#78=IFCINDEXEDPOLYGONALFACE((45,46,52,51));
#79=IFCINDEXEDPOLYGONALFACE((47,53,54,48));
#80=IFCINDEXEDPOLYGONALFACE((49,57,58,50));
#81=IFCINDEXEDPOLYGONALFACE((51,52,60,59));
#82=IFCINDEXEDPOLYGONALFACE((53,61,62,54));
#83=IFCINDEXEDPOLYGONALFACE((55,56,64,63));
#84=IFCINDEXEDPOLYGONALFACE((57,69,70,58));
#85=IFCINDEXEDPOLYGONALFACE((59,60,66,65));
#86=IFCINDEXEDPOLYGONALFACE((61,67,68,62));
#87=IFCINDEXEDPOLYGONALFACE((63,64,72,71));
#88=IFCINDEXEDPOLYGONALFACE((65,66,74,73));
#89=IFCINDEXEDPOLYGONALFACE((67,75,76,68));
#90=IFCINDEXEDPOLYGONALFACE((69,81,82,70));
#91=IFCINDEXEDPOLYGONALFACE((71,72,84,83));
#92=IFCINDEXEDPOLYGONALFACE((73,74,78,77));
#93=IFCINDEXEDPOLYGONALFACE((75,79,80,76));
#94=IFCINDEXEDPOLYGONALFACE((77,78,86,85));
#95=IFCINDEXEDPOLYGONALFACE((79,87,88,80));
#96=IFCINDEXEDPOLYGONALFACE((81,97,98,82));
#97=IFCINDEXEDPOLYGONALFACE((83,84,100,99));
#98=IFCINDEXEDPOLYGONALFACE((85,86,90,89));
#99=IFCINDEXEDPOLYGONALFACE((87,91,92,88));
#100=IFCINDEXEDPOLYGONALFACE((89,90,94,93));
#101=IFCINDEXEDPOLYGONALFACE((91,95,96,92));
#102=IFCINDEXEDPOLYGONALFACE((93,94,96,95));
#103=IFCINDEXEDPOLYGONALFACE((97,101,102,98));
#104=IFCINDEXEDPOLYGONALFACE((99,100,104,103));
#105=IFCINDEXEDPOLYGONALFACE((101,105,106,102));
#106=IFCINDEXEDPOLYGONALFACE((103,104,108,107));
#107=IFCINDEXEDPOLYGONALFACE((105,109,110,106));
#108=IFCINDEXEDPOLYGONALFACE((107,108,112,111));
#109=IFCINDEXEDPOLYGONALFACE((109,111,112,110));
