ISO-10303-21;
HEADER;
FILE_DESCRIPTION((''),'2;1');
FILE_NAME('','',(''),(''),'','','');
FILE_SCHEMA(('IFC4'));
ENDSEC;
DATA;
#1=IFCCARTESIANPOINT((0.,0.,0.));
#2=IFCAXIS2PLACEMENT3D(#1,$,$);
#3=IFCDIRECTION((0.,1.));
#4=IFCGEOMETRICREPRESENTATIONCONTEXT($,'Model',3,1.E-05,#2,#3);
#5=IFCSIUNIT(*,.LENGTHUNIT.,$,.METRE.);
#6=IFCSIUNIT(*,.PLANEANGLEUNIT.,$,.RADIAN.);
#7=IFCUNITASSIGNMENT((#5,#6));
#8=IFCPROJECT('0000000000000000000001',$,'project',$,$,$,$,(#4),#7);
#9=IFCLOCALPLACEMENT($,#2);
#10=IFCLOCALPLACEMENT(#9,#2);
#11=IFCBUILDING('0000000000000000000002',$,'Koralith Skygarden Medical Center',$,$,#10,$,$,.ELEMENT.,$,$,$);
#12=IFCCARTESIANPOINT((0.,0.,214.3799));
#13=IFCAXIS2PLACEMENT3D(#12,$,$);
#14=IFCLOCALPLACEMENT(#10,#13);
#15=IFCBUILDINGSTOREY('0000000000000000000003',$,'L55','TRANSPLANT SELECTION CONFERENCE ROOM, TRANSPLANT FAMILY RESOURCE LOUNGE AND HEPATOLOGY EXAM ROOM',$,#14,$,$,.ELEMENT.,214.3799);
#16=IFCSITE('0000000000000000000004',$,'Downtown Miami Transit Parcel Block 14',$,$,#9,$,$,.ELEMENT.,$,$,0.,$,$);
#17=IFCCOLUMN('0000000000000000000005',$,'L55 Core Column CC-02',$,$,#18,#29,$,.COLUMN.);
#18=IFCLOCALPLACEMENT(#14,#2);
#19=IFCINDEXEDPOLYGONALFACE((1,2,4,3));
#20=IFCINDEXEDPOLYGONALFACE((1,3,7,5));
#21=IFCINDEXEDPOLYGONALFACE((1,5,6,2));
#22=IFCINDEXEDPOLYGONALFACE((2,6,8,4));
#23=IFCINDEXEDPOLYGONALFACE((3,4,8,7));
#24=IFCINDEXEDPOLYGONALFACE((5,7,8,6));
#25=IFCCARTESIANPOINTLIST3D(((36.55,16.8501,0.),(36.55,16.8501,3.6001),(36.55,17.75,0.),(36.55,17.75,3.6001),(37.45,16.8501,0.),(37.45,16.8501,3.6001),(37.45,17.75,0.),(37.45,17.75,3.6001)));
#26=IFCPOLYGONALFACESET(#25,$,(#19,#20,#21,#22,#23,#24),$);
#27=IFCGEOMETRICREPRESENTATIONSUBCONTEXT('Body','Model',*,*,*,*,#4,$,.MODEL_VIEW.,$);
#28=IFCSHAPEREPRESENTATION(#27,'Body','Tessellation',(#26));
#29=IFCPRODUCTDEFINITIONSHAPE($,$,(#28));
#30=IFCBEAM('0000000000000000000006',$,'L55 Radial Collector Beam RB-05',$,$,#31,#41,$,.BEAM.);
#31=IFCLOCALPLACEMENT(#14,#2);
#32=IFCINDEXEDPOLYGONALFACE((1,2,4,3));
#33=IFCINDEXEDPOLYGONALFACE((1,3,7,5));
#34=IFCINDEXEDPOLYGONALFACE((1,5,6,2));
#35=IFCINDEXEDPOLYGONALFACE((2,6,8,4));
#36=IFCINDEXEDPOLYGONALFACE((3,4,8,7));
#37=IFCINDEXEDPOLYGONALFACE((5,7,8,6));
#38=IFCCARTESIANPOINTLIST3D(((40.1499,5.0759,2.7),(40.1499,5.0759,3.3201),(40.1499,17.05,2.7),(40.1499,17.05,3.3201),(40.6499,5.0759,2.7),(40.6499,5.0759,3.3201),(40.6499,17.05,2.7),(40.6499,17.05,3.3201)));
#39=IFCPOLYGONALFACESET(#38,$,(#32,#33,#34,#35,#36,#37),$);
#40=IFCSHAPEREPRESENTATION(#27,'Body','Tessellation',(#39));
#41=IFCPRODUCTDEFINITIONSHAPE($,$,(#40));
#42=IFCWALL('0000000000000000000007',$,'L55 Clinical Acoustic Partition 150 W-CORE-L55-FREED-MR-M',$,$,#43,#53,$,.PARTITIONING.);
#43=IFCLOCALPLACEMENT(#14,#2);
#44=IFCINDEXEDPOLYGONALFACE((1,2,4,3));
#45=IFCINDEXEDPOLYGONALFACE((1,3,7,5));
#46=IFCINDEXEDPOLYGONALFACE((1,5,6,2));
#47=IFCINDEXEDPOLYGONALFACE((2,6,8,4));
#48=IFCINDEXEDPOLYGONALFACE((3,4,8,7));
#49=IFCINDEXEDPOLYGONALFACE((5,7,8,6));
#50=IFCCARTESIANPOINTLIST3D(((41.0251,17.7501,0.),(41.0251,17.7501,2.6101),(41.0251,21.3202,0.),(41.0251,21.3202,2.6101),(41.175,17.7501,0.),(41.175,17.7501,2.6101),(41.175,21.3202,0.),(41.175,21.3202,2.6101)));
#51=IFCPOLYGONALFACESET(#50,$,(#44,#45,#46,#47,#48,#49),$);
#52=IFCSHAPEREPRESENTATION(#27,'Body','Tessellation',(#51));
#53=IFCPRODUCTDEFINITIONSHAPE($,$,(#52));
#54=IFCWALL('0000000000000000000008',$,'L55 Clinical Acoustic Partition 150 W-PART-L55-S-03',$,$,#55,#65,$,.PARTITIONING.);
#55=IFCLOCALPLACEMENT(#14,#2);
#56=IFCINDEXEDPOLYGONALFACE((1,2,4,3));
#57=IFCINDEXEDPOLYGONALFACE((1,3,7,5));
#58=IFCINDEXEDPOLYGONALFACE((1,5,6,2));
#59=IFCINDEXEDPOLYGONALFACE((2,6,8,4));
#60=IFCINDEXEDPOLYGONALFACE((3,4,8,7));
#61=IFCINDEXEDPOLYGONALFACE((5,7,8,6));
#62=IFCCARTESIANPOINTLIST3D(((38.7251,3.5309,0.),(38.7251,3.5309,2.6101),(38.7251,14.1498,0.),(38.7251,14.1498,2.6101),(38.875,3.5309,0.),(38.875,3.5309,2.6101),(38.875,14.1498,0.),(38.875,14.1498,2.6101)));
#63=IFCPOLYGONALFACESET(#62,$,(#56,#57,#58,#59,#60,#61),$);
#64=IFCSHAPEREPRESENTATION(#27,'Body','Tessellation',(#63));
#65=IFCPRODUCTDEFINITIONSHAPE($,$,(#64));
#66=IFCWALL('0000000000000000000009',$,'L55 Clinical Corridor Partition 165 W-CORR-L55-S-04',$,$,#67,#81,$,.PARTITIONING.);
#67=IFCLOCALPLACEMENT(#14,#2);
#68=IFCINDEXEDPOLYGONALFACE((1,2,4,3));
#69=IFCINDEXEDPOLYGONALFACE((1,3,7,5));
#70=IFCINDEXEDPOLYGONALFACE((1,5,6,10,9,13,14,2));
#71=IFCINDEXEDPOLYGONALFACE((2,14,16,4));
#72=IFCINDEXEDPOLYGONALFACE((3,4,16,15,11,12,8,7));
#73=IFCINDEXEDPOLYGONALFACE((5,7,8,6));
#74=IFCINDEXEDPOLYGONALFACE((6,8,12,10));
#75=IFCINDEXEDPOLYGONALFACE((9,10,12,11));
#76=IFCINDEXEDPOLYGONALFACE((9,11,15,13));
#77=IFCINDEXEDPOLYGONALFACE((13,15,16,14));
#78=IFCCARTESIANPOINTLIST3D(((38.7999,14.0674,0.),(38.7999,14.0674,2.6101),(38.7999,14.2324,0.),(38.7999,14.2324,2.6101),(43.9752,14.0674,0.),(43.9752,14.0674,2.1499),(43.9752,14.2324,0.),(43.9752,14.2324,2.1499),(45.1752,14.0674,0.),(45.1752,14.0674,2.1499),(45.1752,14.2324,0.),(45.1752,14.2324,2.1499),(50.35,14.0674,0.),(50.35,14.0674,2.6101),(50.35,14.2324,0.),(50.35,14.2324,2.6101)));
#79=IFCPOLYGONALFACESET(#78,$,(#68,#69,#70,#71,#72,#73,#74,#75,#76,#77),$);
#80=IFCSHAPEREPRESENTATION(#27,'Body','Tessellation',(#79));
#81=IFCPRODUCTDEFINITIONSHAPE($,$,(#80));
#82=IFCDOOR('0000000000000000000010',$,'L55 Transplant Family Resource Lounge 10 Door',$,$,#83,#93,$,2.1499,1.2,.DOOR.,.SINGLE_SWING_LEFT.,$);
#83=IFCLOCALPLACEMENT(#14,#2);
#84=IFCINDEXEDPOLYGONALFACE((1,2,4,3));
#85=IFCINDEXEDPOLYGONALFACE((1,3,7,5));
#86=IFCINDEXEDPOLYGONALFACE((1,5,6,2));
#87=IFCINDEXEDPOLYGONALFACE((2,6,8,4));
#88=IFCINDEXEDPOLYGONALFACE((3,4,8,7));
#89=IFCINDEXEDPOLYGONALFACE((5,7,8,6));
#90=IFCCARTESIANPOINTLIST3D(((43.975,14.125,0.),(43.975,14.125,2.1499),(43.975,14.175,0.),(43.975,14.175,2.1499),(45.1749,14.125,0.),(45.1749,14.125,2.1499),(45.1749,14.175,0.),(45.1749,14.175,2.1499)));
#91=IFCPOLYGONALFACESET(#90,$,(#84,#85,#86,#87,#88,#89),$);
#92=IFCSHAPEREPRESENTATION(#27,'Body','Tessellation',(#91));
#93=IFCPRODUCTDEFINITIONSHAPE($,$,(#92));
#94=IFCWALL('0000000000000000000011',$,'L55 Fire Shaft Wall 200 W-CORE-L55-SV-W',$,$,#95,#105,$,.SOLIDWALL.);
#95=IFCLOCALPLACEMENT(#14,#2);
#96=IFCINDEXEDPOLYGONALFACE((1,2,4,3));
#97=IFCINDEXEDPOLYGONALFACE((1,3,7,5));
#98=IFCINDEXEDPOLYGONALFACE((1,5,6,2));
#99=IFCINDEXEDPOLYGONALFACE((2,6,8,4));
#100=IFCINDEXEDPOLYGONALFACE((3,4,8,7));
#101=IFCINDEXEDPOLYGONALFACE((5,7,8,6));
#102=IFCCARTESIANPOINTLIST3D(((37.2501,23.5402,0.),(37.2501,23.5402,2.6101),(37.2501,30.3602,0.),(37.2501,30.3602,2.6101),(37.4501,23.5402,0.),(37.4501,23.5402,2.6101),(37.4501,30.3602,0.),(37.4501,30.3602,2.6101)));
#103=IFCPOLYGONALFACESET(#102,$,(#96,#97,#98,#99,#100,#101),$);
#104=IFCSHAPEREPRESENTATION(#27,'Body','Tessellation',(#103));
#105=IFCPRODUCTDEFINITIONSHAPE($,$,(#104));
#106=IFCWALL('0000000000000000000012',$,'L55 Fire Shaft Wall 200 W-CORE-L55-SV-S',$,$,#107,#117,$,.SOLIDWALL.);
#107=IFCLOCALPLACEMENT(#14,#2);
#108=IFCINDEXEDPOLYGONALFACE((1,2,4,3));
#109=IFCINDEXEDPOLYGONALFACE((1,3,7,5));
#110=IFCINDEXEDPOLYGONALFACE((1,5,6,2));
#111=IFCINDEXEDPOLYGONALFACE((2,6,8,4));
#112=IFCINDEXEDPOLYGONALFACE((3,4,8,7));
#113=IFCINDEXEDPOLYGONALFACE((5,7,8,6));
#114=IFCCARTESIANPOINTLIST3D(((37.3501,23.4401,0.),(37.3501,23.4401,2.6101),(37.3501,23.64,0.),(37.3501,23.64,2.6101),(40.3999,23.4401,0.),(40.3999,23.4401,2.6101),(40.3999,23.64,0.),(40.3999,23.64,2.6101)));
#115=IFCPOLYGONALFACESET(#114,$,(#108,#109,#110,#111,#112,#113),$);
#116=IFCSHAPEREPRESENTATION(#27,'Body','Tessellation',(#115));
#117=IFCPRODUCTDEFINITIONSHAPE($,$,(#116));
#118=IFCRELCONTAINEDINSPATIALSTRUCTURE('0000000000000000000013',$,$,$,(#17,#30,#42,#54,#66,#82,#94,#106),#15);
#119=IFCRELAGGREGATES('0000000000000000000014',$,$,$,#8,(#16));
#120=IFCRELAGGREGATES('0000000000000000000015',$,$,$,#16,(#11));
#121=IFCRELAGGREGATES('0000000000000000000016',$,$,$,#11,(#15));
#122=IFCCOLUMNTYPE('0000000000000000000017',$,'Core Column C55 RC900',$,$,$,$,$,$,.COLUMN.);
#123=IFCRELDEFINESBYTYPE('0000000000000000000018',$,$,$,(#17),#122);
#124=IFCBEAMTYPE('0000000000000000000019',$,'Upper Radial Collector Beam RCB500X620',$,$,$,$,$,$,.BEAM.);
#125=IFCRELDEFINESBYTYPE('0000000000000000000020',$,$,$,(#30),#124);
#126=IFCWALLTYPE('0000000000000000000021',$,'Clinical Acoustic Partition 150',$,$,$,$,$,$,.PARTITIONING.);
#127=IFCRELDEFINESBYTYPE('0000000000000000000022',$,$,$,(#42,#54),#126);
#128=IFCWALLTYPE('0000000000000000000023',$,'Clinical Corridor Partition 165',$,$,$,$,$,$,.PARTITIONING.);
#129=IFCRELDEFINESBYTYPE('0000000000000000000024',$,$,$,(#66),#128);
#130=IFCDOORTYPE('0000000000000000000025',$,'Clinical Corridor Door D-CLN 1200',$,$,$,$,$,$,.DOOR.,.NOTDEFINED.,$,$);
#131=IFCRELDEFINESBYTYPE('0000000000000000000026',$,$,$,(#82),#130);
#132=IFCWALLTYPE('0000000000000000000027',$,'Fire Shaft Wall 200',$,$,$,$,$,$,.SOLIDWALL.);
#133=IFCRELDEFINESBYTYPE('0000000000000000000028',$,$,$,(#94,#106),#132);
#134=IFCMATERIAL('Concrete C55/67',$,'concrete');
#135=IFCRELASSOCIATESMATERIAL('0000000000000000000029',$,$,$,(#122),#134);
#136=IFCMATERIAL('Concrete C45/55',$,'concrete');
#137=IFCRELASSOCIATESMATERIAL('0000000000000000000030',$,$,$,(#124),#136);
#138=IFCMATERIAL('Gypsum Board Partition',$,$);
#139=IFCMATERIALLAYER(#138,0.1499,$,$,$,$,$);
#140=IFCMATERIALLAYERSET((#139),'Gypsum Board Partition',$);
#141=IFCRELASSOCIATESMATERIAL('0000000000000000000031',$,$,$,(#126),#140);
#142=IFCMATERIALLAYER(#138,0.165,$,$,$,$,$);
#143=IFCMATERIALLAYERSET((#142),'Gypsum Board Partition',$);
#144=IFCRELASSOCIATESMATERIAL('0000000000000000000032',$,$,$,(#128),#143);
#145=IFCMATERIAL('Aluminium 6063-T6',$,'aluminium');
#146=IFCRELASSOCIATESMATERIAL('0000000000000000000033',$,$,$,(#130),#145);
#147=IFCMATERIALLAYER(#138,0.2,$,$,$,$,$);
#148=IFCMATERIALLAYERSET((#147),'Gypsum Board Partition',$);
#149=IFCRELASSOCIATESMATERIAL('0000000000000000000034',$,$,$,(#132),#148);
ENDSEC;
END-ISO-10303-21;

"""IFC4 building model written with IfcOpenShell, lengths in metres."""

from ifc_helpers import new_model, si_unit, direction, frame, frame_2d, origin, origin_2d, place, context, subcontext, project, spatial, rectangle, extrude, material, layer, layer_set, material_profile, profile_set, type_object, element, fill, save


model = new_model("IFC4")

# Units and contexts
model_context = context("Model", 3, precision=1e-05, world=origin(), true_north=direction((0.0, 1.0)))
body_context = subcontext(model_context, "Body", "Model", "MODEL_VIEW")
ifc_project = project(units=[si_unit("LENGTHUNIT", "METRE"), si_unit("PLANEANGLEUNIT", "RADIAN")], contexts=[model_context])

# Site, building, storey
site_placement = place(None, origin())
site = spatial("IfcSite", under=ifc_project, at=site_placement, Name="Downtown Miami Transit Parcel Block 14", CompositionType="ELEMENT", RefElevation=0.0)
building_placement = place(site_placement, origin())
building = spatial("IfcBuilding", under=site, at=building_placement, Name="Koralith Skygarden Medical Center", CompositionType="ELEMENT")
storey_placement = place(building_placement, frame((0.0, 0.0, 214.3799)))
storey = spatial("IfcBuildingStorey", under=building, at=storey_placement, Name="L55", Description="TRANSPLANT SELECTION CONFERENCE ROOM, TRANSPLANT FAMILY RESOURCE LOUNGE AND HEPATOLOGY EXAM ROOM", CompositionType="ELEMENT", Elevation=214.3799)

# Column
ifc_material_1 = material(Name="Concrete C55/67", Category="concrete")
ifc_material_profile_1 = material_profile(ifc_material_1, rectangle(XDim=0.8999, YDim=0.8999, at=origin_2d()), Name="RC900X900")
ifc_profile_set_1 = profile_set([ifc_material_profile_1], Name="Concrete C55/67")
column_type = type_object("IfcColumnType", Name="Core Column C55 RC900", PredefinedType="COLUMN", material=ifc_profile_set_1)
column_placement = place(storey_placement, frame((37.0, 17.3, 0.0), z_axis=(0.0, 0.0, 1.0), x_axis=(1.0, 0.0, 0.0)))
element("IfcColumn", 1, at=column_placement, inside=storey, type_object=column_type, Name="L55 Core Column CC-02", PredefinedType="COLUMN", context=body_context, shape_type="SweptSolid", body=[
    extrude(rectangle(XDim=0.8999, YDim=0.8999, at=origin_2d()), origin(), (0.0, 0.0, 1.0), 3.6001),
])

# WHAT IS EXPECTED
What is needed is every line from the beginning of the data up to and including the line with "#88=IFCINDEXEDPOLYGONALFACE((65,66,74,73));", given again word for word.

# WORKED SOLUTION
#78=IFCINDEXEDPOLYGONALFACE((45,46,52,51));
#79=IFCINDEXEDPOLYGONALFACE((47,53,54,48));
#80=IFCINDEXEDPOLYGONALFACE((49,57,58,50));
#81=IFCINDEXEDPOLYGONALFACE((51,52,60,59));
#82=IFCINDEXEDPOLYGONALFACE((53,61,62,54));
#83=IFCINDEXEDPOLYGONALFACE((55,56,64,63));
#84=IFCINDEXEDPOLYGONALFACE((57,69,70,58));
#85=IFCINDEXEDPOLYGONALFACE((59,60,66,65));
#86=IFCINDEXEDPOLYGONALFACE((61,67,68,62));
#87=IFCINDEXEDPOLYGONALFACE((63,64,72,71));
#88=IFCINDEXEDPOLYGONALFACE((65,66,74,73));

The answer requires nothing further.